• [Information given]
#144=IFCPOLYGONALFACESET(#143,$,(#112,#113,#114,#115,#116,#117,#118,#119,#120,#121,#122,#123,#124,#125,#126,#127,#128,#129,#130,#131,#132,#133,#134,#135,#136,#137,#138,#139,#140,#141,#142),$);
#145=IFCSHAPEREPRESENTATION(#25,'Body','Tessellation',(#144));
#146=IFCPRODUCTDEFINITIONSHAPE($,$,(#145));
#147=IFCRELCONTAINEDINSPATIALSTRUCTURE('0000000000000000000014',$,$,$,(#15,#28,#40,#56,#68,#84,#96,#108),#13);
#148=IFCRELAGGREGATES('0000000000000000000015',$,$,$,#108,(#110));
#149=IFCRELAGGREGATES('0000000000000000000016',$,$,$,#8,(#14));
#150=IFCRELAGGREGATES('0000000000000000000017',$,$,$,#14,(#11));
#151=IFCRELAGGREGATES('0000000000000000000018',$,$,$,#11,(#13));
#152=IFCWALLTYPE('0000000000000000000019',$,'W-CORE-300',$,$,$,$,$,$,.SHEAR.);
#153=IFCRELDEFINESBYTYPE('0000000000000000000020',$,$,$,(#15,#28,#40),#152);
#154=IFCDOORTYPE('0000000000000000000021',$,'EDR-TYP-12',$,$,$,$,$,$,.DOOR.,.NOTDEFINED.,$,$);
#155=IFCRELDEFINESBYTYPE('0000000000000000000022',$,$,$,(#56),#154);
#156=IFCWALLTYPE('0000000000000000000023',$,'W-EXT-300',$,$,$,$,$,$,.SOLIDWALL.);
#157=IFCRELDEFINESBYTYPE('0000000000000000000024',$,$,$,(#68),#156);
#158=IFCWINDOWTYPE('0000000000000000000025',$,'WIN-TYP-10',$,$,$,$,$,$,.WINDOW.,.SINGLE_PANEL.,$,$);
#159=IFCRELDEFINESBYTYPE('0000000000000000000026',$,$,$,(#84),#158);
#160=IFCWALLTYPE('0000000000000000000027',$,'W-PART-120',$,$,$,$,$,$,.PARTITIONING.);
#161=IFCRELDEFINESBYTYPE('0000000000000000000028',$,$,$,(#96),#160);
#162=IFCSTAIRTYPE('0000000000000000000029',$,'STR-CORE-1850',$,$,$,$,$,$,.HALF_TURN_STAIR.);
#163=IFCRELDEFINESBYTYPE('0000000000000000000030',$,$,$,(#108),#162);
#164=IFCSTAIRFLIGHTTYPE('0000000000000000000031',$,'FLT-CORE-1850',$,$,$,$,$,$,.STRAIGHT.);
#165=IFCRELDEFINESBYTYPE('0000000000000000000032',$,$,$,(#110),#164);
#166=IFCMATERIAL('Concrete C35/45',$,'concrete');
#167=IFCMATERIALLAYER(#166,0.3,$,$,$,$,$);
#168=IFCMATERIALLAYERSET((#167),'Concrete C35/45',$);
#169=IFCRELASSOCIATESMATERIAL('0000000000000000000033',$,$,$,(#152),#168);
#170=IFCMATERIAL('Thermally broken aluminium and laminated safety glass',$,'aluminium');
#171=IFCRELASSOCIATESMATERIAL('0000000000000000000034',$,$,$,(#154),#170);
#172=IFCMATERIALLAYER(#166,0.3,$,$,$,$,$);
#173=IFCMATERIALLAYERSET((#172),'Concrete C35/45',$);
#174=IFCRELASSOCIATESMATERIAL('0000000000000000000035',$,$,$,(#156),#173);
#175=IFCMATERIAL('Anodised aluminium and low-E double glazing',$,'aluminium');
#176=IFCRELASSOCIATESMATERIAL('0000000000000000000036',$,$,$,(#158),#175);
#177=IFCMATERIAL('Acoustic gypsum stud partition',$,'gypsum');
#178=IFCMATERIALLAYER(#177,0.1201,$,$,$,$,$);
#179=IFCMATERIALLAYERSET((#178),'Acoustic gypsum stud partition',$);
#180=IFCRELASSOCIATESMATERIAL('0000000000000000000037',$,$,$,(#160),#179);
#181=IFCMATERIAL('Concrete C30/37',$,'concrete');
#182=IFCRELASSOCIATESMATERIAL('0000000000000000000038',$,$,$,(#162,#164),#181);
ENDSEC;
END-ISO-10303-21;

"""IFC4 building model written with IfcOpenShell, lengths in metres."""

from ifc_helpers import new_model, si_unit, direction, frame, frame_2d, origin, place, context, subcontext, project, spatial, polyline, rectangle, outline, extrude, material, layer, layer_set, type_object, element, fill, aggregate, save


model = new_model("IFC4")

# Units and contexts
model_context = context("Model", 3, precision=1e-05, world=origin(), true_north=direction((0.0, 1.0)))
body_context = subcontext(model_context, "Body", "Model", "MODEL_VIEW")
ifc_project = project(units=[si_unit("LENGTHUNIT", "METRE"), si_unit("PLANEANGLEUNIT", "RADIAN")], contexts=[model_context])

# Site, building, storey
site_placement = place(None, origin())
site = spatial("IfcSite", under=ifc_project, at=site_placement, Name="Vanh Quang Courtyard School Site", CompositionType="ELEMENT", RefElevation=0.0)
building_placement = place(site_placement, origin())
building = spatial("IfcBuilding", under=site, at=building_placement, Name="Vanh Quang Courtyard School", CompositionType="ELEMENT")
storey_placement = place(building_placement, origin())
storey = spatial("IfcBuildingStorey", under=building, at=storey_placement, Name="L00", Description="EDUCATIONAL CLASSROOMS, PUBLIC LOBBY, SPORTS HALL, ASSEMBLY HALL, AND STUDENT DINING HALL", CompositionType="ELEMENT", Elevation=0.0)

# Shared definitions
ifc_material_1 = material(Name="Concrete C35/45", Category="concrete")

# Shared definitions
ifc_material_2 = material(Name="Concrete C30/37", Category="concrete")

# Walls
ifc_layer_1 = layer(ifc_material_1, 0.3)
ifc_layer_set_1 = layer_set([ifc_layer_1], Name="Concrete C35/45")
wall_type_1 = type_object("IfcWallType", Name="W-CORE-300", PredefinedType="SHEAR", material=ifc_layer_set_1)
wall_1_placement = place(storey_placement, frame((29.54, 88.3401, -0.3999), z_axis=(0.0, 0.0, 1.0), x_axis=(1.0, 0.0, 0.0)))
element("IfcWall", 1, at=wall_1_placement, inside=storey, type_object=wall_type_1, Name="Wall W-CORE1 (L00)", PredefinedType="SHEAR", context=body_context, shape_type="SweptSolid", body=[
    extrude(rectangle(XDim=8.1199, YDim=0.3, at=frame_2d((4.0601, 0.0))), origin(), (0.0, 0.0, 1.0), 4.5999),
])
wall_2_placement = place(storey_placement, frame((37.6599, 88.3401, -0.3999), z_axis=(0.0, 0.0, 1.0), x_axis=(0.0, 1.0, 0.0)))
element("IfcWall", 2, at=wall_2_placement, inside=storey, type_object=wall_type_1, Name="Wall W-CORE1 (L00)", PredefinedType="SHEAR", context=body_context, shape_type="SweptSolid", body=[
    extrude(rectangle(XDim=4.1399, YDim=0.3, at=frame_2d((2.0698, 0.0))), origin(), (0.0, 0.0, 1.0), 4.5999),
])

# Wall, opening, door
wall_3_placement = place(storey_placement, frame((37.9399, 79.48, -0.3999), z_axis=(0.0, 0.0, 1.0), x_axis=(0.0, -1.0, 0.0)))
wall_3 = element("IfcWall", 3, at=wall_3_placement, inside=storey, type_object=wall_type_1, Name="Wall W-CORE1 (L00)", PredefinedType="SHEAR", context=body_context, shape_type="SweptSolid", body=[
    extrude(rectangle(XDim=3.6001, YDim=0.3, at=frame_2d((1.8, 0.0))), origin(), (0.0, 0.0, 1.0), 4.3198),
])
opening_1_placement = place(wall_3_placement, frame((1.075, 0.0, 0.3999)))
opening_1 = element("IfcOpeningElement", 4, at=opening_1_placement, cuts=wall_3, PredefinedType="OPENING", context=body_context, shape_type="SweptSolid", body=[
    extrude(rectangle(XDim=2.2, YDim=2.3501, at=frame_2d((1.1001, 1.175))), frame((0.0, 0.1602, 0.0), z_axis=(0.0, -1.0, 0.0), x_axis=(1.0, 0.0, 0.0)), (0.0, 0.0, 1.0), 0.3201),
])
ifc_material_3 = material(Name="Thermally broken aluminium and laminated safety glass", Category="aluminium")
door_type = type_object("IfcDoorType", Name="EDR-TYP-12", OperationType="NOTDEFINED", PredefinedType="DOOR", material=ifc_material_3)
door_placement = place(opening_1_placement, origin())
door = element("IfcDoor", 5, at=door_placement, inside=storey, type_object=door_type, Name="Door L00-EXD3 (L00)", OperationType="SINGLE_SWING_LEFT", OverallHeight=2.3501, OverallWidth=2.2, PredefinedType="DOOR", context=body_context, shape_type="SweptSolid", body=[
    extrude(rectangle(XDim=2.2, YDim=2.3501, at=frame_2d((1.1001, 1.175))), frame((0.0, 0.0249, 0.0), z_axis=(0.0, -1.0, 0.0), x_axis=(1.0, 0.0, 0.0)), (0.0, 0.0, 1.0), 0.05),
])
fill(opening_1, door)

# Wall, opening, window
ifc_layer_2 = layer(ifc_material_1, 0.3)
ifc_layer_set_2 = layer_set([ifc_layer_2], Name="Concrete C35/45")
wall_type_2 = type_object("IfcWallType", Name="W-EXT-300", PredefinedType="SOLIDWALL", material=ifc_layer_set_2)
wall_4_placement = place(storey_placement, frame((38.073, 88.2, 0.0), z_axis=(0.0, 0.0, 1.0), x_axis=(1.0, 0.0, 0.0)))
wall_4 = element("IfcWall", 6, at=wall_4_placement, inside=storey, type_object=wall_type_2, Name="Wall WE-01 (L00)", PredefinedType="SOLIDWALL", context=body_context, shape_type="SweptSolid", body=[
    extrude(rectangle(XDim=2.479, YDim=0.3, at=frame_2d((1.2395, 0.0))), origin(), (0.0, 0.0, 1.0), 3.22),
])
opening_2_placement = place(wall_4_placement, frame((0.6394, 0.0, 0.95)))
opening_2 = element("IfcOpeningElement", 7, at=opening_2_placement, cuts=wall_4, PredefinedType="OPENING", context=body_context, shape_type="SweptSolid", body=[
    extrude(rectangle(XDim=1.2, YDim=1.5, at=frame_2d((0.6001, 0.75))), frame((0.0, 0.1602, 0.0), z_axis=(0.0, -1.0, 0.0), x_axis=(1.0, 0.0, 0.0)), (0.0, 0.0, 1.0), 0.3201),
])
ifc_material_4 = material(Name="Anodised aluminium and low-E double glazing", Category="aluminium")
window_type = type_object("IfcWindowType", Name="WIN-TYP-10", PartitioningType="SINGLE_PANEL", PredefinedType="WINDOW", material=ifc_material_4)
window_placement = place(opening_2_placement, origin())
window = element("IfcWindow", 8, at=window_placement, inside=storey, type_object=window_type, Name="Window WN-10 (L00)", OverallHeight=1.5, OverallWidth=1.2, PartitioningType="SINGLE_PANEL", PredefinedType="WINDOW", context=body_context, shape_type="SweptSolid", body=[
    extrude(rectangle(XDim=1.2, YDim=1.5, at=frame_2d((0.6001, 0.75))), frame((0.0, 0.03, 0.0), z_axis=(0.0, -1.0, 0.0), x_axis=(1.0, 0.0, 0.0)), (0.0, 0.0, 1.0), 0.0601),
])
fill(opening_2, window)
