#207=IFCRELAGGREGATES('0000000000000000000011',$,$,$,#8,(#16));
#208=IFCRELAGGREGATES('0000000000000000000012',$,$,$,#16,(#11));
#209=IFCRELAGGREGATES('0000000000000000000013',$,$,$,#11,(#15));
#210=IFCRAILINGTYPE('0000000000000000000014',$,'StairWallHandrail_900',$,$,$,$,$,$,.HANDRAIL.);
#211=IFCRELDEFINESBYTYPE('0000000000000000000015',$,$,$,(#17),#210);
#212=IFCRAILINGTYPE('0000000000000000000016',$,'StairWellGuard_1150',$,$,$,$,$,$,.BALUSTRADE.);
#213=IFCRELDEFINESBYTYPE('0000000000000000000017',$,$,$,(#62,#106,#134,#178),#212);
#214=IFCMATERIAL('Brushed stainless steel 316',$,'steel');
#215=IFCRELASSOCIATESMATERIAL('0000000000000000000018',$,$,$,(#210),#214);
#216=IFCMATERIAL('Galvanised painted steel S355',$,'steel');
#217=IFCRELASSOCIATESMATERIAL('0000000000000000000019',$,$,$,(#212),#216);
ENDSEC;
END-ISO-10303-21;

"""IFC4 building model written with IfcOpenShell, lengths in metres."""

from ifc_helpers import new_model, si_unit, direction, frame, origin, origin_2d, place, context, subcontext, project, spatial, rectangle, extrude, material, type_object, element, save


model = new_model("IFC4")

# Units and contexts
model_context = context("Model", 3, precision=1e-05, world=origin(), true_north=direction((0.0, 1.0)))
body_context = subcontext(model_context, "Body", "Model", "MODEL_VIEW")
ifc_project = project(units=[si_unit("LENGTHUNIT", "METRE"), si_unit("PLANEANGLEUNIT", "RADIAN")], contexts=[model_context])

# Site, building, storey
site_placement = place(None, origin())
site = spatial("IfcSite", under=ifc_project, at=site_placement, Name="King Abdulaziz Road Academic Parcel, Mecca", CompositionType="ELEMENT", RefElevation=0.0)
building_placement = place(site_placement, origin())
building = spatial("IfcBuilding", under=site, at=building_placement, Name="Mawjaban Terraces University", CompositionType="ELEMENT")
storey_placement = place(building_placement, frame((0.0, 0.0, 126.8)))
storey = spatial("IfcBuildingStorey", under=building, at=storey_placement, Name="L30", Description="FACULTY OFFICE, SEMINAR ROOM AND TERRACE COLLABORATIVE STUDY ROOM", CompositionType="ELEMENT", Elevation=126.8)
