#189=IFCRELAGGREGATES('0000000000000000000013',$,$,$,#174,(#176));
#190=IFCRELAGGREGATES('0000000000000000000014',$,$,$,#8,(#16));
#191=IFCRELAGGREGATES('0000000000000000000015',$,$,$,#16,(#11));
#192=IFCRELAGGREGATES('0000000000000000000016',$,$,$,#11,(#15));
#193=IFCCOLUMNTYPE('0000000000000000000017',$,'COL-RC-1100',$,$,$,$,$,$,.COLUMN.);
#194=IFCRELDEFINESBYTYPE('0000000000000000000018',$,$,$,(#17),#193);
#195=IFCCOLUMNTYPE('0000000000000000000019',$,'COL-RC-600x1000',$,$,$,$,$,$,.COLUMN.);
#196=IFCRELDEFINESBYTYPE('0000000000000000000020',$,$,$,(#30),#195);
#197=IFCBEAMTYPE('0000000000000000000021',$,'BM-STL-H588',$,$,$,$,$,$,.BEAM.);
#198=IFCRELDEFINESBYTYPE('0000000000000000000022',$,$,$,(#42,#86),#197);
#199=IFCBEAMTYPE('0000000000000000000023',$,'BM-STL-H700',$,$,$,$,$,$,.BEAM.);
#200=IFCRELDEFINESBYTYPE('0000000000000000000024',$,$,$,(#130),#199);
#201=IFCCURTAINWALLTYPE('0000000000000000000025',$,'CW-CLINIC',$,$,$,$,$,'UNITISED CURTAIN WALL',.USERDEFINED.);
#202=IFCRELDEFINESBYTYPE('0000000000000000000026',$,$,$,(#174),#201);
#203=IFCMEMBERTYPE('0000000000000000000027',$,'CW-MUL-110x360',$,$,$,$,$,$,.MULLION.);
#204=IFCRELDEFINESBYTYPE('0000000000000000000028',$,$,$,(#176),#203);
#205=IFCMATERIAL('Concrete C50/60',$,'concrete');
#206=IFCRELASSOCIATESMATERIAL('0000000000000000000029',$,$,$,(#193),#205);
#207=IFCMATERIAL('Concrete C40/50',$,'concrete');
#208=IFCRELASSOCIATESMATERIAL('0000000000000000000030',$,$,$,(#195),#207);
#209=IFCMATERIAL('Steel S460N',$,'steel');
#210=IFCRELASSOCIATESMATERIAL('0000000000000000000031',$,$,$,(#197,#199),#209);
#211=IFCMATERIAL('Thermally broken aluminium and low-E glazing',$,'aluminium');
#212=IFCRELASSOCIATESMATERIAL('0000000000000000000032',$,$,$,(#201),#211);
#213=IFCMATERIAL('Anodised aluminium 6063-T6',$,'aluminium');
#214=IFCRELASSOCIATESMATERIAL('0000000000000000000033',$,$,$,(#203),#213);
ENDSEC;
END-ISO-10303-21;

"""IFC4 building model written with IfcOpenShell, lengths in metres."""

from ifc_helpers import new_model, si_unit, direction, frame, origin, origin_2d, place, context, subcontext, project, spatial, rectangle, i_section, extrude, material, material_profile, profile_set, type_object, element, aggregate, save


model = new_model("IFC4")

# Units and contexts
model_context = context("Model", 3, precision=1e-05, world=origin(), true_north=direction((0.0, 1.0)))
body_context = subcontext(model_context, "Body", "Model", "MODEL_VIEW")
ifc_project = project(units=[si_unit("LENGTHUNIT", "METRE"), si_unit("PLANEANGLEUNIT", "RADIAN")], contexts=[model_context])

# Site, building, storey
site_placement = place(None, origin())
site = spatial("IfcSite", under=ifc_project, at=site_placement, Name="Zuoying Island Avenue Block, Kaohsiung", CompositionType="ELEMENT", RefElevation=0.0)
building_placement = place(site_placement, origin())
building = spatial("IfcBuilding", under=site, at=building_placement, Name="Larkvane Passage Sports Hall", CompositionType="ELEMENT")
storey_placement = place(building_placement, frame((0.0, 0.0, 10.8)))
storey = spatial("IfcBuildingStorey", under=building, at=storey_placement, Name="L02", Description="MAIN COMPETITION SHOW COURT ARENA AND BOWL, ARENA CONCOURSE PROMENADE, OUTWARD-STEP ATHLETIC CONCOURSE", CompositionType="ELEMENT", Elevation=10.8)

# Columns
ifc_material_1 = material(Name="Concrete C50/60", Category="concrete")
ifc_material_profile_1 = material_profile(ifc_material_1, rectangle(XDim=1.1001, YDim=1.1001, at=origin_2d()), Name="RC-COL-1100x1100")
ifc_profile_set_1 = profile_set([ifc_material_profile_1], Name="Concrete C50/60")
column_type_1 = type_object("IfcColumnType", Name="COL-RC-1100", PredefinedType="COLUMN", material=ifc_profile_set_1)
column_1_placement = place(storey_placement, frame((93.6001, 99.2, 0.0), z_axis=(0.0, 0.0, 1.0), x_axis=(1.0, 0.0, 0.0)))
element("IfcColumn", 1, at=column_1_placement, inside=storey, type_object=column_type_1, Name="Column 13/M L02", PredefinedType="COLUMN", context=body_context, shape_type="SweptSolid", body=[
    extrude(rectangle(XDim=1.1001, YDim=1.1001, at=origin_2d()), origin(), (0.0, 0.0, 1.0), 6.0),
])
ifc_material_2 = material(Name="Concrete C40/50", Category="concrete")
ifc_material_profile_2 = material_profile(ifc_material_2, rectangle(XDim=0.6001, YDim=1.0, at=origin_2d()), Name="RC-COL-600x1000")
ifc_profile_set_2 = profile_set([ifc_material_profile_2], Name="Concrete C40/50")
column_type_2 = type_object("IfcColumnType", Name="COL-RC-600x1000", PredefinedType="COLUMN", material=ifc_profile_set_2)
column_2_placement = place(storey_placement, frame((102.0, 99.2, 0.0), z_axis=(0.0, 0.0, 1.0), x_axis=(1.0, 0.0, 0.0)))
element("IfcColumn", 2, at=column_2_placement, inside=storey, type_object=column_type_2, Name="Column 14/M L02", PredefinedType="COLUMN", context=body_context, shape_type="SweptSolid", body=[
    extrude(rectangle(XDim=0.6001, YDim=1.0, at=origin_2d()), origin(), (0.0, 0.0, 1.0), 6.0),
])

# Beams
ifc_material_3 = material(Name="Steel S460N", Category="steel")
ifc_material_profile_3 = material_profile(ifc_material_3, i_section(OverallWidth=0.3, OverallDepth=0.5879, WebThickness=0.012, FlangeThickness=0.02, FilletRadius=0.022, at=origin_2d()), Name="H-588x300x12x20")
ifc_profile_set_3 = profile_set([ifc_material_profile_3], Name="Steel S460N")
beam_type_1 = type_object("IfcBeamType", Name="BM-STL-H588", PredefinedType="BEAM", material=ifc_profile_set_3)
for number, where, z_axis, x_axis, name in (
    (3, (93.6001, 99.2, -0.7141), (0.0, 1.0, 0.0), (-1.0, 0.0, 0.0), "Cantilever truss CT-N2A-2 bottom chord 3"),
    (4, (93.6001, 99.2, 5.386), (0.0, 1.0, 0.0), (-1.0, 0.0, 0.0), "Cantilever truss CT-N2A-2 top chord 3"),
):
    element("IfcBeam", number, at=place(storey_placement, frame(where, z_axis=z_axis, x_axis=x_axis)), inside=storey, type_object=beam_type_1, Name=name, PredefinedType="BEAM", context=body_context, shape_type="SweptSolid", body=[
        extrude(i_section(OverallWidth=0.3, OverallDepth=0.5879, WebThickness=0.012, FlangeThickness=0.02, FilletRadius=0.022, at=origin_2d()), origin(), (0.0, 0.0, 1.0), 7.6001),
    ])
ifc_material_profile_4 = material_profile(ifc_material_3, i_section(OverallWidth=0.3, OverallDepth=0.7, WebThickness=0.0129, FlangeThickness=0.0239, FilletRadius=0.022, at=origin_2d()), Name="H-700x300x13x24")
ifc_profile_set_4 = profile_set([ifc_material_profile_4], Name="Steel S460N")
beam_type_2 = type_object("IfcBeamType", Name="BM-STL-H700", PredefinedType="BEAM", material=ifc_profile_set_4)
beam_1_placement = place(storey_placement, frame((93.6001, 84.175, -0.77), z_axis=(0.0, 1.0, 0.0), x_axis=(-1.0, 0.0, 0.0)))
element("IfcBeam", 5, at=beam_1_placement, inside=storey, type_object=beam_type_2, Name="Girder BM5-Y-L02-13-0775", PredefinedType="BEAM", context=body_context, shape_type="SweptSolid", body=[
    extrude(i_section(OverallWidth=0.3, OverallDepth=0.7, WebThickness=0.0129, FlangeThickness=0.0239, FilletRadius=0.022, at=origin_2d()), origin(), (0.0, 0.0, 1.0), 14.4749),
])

• [Work request]
From the material above, copy every line that has the word "import" in it.

• [Answer space]
from ifc_helpers import new_model, si_unit, direction, frame, frame_2d, origin, place, context, subcontext, project, spatial, polyline, rectangle, outline, extrude, material, layer, layer_set, type_object, element, fill, aggregate, save
from ifc_helpers import new_model, si_unit, direction, frame, origin, origin_2d, place, context, subcontext, project, spatial, rectangle, extrude, material, type_object, element, save
from ifc_helpers import new_model, si_unit, direction, frame, origin, origin_2d, place, context, subcontext, project, spatial, rectangle, i_section, extrude, material, material_profile, profile_set, type_object, element, aggregate, save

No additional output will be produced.